Directions
Nothing in the data should be altered when it is repeated in full.
★ ★ ★ ★ ★ ★ ★
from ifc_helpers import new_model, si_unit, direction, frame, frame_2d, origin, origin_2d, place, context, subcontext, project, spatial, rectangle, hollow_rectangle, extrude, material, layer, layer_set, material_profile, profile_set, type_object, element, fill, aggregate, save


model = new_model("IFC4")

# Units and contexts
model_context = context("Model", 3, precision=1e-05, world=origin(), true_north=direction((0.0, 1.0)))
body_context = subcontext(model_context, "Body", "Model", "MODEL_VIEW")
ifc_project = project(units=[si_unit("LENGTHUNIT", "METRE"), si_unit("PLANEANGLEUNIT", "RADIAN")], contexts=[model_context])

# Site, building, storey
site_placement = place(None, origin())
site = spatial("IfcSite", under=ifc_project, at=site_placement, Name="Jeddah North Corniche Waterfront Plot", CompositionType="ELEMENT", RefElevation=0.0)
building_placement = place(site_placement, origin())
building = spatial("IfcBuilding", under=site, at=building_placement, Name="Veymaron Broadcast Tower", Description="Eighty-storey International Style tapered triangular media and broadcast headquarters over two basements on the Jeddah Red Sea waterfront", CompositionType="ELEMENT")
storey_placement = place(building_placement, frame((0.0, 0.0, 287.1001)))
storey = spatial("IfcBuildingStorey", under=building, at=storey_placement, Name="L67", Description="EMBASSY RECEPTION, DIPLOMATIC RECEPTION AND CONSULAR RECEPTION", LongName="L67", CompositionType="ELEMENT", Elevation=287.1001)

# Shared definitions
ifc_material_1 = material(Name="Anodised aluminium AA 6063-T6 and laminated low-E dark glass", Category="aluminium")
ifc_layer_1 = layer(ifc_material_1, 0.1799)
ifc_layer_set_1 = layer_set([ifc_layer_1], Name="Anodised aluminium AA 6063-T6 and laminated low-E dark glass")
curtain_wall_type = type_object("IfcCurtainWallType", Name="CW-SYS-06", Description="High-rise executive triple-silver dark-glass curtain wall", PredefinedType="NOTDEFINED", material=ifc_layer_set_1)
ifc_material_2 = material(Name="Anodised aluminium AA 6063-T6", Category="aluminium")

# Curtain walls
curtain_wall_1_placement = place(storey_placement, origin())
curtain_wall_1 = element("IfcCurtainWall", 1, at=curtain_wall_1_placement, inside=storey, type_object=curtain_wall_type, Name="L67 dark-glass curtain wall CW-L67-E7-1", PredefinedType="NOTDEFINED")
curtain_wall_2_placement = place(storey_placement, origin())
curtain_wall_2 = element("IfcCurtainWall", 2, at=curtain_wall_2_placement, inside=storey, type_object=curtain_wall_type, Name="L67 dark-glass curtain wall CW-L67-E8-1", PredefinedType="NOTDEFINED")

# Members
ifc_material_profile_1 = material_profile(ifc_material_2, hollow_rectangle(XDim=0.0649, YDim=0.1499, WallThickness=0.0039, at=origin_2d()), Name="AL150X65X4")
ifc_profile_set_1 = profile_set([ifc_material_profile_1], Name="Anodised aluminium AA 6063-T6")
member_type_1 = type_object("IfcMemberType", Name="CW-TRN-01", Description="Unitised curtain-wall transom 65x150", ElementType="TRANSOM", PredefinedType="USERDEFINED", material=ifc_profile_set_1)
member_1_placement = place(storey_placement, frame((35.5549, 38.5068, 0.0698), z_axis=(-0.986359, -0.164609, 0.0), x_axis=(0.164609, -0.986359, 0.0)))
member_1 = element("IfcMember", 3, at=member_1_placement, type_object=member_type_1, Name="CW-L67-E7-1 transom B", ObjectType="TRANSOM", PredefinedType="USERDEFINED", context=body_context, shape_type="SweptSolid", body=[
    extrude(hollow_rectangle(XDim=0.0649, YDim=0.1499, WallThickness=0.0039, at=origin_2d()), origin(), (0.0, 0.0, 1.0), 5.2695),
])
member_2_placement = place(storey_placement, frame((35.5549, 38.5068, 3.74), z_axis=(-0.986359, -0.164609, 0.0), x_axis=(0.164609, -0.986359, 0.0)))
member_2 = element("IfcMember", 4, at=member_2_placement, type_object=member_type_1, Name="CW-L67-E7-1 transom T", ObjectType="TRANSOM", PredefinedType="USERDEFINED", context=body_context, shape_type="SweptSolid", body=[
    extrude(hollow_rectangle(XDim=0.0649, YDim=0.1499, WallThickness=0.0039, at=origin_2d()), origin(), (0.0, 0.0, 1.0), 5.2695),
★ ★ ★ ★ ★ ★ ★
Exercise answer
from ifc_helpers import new_model, si_unit, direction, frame, frame_2d, origin, origin_2d, place, context, subcontext, project, spatial, rectangle, hollow_rectangle, extrude, material, layer, layer_set, material_profile, profile_set, type_object, element, fill, aggregate, save


model = new_model("IFC4")

# Units and contexts
model_context = context("Model", 3, precision=1e-05, world=origin(), true_north=direction((0.0, 1.0)))
body_context = subcontext(model_context, "Body", "Model", "MODEL_VIEW")
ifc_project = project(units=[si_unit("LENGTHUNIT", "METRE"), si_unit("PLANEANGLEUNIT", "RADIAN")], contexts=[model_context])

# Site, building, storey
site_placement = place(None, origin())
site = spatial("IfcSite", under=ifc_project, at=site_placement, Name="Jeddah North Corniche Waterfront Plot", CompositionType="ELEMENT", RefElevation=0.0)
building_placement = place(site_placement, origin())
building = spatial("IfcBuilding", under=site, at=building_placement, Name="Veymaron Broadcast Tower", Description="Eighty-storey International Style tapered triangular media and broadcast headquarters over two basements on the Jeddah Red Sea waterfront", CompositionType="ELEMENT")
storey_placement = place(building_placement, frame((0.0, 0.0, 287.1001)))
storey = spatial("IfcBuildingStorey", under=building, at=storey_placement, Name="L67", Description="EMBASSY RECEPTION, DIPLOMATIC RECEPTION AND CONSULAR RECEPTION", LongName="L67", CompositionType="ELEMENT", Elevation=287.1001)

# Shared definitions
ifc_material_1 = material(Name="Anodised aluminium AA 6063-T6 and laminated low-E dark glass", Category="aluminium")
ifc_layer_1 = layer(ifc_material_1, 0.1799)
ifc_layer_set_1 = layer_set([ifc_layer_1], Name="Anodised aluminium AA 6063-T6 and laminated low-E dark glass")
curtain_wall_type = type_object("IfcCurtainWallType", Name="CW-SYS-06", Description="High-rise executive triple-silver dark-glass curtain wall", PredefinedType="NOTDEFINED", material=ifc_layer_set_1)
ifc_material_2 = material(Name="Anodised aluminium AA 6063-T6", Category="aluminium")

# Curtain walls
curtain_wall_1_placement = place(storey_placement, origin())
curtain_wall_1 = element("IfcCurtainWall", 1, at=curtain_wall_1_placement, inside=storey, type_object=curtain_wall_type, Name="L67 dark-glass curtain wall CW-L67-E7-1", PredefinedType="NOTDEFINED")
curtain_wall_2_placement = place(storey_placement, origin())
curtain_wall_2 = element("IfcCurtainWall", 2, at=curtain_wall_2_placement, inside=storey, type_object=curtain_wall_type, Name="L67 dark-glass curtain wall CW-L67-E8-1", PredefinedType="NOTDEFINED")

# Members
ifc_material_profile_1 = material_profile(ifc_material_2, hollow_rectangle(XDim=0.0649, YDim=0.1499, WallThickness=0.0039, at=origin_2d()), Name="AL150X65X4")
ifc_profile_set_1 = profile_set([ifc_material_profile_1], Name="Anodised aluminium AA 6063-T6")
member_type_1 = type_object("IfcMemberType", Name="CW-TRN-01", Description="Unitised curtain-wall transom 65x150", ElementType="TRANSOM", PredefinedType="USERDEFINED", material=ifc_profile_set_1)
member_1_placement = place(storey_placement, frame((35.5549, 38.5068, 0.0698), z_axis=(-0.986359, -0.164609, 0.0), x_axis=(0.164609, -0.986359, 0.0)))
member_1 = element("IfcMember", 3, at=member_1_placement, type_object=member_type_1, Name="CW-L67-E7-1 transom B", ObjectType="TRANSOM", PredefinedType="USERDEFINED", context=body_context, shape_type="SweptSolid", body=[
    extrude(hollow_rectangle(XDim=0.0649, YDim=0.1499, WallThickness=0.0039, at=origin_2d()), origin(), (0.0, 0.0, 1.0), 5.2695),
])
member_2_placement = place(storey_placement, frame((35.5549, 38.5068, 3.74), z_axis=(-0.986359, -0.164609, 0.0), x_axis=(0.164609, -0.986359, 0.0)))
member_2 = element("IfcMember", 4, at=member_2_placement, type_object=member_type_1, Name="CW-L67-E7-1 transom T", ObjectType="TRANSOM", PredefinedType="USERDEFINED", context=body_context, shape_type="SweptSolid", body=[
    extrude(hollow_rectangle(XDim=0.0649, YDim=0.1499, WallThickness=0.0039, at=origin_2d()), origin(), (0.0, 0.0, 1.0), 5.2695),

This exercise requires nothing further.